== Data for this task ==

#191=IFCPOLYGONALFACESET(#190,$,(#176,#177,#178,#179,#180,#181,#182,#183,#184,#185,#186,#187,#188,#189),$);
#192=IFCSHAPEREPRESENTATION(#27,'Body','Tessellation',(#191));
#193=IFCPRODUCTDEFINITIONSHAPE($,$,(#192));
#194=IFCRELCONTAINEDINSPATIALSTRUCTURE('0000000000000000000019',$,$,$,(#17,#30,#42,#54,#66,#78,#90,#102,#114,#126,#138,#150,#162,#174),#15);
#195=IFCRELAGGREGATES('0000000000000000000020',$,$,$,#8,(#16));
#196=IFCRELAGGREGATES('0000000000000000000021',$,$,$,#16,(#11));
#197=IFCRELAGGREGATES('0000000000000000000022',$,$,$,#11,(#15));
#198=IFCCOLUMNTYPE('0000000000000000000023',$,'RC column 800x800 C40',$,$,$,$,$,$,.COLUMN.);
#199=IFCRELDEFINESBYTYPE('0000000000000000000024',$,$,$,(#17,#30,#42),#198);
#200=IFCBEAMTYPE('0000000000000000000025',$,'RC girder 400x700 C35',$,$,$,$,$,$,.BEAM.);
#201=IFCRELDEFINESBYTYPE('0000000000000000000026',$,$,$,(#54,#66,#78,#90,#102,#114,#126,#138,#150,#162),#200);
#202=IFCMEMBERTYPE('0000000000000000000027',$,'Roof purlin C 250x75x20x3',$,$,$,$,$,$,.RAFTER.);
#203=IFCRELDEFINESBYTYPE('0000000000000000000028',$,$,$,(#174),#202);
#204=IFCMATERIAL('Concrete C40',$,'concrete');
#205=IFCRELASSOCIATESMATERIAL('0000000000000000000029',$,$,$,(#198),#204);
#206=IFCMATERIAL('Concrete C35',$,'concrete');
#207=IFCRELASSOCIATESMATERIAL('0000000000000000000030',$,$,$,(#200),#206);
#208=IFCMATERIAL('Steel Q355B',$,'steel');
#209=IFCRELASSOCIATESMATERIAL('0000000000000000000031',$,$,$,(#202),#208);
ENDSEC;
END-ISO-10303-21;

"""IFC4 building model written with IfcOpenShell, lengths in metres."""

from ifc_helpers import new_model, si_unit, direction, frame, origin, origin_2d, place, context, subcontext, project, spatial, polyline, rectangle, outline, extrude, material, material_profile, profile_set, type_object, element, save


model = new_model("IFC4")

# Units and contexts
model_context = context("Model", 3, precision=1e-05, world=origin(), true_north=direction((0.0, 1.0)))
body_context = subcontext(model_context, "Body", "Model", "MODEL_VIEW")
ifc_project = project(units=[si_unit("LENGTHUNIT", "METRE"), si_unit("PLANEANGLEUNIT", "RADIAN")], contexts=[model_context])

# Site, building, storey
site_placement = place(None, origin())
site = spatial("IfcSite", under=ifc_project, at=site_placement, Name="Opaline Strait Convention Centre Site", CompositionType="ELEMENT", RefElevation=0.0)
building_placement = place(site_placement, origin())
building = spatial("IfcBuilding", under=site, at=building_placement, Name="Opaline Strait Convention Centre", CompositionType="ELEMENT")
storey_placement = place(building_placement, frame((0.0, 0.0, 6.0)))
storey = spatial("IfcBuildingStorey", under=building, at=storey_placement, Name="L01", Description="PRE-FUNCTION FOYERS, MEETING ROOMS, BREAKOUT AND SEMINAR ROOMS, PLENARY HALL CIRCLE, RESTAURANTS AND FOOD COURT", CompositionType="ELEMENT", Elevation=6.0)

===
== Data for this task ==

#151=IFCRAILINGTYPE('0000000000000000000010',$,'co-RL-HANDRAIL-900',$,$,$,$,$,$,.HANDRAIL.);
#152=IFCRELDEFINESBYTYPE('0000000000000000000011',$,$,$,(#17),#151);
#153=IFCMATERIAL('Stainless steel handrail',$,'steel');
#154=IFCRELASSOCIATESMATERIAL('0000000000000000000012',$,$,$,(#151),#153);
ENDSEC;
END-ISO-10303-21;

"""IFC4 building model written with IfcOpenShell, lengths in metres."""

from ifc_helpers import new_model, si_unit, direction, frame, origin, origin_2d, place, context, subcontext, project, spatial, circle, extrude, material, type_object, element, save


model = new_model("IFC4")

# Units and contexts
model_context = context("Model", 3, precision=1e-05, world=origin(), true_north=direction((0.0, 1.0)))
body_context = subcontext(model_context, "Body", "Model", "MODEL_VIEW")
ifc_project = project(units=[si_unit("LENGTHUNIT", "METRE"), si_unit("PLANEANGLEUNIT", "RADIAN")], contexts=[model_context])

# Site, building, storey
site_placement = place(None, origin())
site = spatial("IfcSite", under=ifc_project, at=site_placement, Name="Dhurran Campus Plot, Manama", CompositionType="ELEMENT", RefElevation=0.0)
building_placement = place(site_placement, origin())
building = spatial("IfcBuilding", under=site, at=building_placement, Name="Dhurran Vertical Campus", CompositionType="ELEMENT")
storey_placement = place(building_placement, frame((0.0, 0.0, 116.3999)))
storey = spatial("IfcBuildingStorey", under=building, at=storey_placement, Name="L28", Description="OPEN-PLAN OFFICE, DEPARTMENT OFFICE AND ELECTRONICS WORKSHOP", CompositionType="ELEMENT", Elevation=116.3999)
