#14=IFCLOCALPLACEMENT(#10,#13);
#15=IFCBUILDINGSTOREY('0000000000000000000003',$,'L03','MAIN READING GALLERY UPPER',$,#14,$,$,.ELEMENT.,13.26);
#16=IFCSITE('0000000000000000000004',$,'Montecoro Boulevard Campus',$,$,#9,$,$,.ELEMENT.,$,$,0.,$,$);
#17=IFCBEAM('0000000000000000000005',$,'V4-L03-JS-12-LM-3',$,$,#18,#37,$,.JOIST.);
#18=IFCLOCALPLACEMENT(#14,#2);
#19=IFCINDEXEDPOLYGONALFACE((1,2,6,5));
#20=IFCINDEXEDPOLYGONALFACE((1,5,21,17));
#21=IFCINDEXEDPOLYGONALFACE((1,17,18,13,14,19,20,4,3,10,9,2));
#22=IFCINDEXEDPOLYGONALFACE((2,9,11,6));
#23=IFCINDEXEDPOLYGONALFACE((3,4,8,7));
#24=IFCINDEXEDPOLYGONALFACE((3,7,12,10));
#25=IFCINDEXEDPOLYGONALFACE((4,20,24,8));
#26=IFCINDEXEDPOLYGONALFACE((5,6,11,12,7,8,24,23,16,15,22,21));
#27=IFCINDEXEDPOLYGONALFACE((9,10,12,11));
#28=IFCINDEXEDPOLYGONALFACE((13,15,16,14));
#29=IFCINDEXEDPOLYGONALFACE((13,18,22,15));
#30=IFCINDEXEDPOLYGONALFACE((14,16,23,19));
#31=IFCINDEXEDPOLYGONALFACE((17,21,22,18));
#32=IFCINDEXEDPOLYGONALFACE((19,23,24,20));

===
== Data for this task ==

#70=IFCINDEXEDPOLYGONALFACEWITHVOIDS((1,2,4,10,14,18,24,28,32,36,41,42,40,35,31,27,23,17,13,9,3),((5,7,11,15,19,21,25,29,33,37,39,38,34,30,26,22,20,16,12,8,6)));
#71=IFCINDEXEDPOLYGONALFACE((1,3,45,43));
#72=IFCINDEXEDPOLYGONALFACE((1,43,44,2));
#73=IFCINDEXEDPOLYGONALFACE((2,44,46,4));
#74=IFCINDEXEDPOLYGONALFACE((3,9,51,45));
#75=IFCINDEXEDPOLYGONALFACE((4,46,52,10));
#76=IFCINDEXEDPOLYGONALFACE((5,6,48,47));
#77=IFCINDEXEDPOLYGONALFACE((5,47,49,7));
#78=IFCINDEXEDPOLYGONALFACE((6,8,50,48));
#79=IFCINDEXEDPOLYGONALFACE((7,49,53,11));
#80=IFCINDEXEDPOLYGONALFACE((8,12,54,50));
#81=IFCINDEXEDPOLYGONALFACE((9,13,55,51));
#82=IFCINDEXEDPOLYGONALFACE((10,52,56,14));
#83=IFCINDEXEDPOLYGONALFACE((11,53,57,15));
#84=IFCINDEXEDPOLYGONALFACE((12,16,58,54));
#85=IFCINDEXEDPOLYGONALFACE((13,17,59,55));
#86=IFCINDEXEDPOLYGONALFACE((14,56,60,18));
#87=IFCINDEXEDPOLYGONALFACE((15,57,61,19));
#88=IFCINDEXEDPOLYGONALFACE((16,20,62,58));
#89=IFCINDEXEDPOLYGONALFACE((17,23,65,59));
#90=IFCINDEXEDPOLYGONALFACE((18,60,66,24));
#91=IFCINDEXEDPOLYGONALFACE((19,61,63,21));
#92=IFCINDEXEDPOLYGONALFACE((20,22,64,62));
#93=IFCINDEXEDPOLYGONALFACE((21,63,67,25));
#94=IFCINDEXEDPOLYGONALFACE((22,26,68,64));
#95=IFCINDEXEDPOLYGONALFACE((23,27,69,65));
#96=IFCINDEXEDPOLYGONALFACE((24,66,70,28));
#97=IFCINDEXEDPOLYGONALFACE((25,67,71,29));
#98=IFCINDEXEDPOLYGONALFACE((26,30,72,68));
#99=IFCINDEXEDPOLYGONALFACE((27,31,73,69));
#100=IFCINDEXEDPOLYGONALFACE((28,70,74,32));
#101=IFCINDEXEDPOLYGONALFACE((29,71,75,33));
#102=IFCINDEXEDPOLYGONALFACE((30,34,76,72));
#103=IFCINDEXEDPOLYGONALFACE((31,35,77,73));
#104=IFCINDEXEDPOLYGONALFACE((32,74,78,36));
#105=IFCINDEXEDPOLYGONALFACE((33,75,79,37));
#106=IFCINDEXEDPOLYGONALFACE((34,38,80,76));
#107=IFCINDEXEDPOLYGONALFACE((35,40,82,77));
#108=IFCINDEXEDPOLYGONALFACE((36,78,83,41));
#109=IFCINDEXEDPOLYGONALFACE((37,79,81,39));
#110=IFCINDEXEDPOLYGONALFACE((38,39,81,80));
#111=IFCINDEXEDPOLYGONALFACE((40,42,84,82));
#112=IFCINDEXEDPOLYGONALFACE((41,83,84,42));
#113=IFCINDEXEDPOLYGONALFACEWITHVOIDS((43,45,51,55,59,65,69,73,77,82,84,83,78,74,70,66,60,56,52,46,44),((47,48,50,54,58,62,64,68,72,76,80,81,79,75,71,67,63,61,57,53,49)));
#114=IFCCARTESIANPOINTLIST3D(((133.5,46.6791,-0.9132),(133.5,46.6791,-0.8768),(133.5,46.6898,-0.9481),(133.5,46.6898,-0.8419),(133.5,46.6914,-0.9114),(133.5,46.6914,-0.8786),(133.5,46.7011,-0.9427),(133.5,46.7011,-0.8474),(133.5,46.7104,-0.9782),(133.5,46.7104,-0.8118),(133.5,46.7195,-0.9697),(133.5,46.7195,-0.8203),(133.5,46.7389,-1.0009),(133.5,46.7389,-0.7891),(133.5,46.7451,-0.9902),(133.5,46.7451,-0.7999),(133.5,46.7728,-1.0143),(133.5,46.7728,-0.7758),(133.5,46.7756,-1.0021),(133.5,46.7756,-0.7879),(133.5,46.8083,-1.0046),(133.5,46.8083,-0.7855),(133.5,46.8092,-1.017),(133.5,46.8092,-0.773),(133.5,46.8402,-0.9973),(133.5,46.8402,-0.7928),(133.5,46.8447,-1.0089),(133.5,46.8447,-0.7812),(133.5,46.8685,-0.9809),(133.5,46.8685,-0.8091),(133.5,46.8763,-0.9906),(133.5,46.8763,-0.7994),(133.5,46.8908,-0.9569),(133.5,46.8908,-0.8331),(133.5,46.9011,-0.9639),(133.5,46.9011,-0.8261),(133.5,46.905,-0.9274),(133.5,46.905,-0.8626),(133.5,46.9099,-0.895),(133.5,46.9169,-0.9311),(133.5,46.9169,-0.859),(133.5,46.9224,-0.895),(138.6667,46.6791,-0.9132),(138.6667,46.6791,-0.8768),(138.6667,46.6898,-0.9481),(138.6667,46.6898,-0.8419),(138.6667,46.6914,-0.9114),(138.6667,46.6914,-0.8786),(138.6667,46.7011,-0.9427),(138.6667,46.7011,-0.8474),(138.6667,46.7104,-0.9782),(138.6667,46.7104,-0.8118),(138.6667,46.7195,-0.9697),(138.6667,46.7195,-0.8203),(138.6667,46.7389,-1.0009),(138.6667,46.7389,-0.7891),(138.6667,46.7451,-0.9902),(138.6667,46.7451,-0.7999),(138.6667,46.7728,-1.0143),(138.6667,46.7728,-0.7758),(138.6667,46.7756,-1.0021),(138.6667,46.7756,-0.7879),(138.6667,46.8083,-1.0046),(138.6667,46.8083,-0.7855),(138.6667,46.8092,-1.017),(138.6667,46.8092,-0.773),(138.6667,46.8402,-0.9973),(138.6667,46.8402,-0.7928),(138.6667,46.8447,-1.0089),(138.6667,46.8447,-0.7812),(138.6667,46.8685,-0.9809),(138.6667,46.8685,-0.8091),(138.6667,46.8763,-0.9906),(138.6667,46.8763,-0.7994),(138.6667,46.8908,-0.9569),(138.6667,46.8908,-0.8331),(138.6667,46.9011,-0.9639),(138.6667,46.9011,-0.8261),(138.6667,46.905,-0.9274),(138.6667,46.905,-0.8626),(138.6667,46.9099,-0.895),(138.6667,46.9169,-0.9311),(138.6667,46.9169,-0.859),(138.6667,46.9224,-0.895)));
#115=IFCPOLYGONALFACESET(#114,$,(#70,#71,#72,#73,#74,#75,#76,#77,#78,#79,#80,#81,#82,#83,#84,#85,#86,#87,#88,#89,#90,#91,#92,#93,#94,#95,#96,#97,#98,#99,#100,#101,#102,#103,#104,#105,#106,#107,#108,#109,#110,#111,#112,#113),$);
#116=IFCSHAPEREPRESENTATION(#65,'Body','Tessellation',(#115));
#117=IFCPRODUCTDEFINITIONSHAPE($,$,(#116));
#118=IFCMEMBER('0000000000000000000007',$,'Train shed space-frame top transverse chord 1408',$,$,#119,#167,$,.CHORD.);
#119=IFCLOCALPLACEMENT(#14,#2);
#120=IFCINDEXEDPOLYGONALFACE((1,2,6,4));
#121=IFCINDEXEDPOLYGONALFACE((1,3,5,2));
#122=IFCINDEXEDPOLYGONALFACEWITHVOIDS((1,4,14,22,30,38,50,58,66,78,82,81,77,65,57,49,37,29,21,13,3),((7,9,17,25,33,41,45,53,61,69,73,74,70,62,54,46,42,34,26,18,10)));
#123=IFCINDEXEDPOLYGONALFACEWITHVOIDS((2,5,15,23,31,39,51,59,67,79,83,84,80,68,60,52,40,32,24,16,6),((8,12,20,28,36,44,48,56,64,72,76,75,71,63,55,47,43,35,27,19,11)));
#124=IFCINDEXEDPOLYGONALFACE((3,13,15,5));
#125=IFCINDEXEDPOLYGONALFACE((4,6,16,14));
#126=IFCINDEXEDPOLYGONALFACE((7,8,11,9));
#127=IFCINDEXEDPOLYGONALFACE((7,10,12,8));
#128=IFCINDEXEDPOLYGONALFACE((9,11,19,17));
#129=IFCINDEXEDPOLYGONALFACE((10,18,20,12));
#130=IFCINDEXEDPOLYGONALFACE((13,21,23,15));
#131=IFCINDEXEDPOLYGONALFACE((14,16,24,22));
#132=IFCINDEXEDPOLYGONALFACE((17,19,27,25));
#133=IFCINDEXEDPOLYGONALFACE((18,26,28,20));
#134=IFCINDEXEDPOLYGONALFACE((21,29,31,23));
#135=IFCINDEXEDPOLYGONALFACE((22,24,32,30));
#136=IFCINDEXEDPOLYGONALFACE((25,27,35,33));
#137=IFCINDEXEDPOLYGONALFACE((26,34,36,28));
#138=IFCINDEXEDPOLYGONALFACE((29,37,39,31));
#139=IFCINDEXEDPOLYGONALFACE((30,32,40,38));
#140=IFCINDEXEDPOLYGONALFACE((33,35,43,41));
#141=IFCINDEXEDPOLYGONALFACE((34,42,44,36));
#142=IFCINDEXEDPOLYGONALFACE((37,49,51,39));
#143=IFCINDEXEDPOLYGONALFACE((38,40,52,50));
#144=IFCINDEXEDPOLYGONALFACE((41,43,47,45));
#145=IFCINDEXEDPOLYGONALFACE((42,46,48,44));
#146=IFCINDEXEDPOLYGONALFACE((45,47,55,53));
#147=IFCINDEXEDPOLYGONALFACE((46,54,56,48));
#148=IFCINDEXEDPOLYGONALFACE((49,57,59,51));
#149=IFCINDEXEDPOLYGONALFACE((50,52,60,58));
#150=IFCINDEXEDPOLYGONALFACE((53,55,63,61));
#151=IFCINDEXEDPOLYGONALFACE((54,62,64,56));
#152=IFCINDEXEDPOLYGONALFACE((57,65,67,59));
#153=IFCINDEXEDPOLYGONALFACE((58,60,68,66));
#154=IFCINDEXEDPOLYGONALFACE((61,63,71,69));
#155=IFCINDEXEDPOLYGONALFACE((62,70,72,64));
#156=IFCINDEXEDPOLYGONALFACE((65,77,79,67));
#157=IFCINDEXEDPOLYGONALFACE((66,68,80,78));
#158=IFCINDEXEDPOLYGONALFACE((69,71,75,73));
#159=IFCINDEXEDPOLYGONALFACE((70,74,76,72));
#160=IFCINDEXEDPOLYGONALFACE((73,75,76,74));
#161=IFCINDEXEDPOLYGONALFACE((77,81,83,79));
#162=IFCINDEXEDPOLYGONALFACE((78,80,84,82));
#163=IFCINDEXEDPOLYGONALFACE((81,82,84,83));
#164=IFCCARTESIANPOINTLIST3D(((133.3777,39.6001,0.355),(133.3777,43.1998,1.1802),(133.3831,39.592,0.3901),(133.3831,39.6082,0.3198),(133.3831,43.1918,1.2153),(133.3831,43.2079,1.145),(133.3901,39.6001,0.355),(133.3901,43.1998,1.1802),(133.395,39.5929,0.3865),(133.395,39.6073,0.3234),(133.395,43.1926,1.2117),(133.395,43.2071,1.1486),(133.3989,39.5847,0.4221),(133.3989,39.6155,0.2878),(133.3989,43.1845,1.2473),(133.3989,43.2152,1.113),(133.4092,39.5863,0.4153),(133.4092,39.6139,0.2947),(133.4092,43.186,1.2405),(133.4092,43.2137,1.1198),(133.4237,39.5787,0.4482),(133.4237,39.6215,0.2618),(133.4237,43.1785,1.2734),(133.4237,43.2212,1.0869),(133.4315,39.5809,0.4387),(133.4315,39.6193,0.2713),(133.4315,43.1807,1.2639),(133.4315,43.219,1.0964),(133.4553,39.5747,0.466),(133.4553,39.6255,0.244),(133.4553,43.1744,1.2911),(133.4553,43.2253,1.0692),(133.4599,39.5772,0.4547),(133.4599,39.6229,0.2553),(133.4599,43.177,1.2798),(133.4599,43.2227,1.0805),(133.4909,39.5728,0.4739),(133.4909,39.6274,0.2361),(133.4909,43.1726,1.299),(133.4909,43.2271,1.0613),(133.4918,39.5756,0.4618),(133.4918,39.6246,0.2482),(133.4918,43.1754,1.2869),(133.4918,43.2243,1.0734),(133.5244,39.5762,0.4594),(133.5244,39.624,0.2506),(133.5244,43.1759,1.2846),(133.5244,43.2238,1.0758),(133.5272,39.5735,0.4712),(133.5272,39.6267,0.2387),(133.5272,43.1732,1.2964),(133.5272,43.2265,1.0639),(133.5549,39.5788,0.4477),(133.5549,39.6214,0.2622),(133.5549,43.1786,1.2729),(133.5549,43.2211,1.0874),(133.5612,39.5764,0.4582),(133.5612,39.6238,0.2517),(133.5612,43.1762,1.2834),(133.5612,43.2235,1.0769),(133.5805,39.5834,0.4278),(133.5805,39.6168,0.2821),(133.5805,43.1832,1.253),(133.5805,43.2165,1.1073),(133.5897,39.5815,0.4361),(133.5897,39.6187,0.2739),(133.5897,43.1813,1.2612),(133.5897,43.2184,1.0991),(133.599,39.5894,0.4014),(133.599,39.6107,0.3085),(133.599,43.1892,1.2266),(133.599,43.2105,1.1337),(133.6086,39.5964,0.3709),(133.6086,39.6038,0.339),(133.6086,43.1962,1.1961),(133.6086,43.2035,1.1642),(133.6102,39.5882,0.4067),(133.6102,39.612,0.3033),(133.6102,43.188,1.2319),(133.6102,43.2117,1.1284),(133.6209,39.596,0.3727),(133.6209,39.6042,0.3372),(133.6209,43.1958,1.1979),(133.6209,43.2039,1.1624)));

===

◆ Task to carry out ◆
Repeat exactly the lines above from the one with "#92=IFCINDEXEDPOLYGONALFACE((20,22,64,62));" up to and including the one with "#98=IFCINDEXEDPOLYGONALFACE((26,30,72,68));". No other line belongs in the reply.

◆ Answer for the task ◆
#92=IFCINDEXEDPOLYGONALFACE((20,22,64,62));
#93=IFCINDEXEDPOLYGONALFACE((21,63,67,25));
#94=IFCINDEXEDPOLYGONALFACE((22,26,68,64));
#95=IFCINDEXEDPOLYGONALFACE((23,27,69,65));
#96=IFCINDEXEDPOLYGONALFACE((24,66,70,28));
#97=IFCINDEXEDPOLYGONALFACE((25,67,71,29));
#98=IFCINDEXEDPOLYGONALFACE((26,30,72,68));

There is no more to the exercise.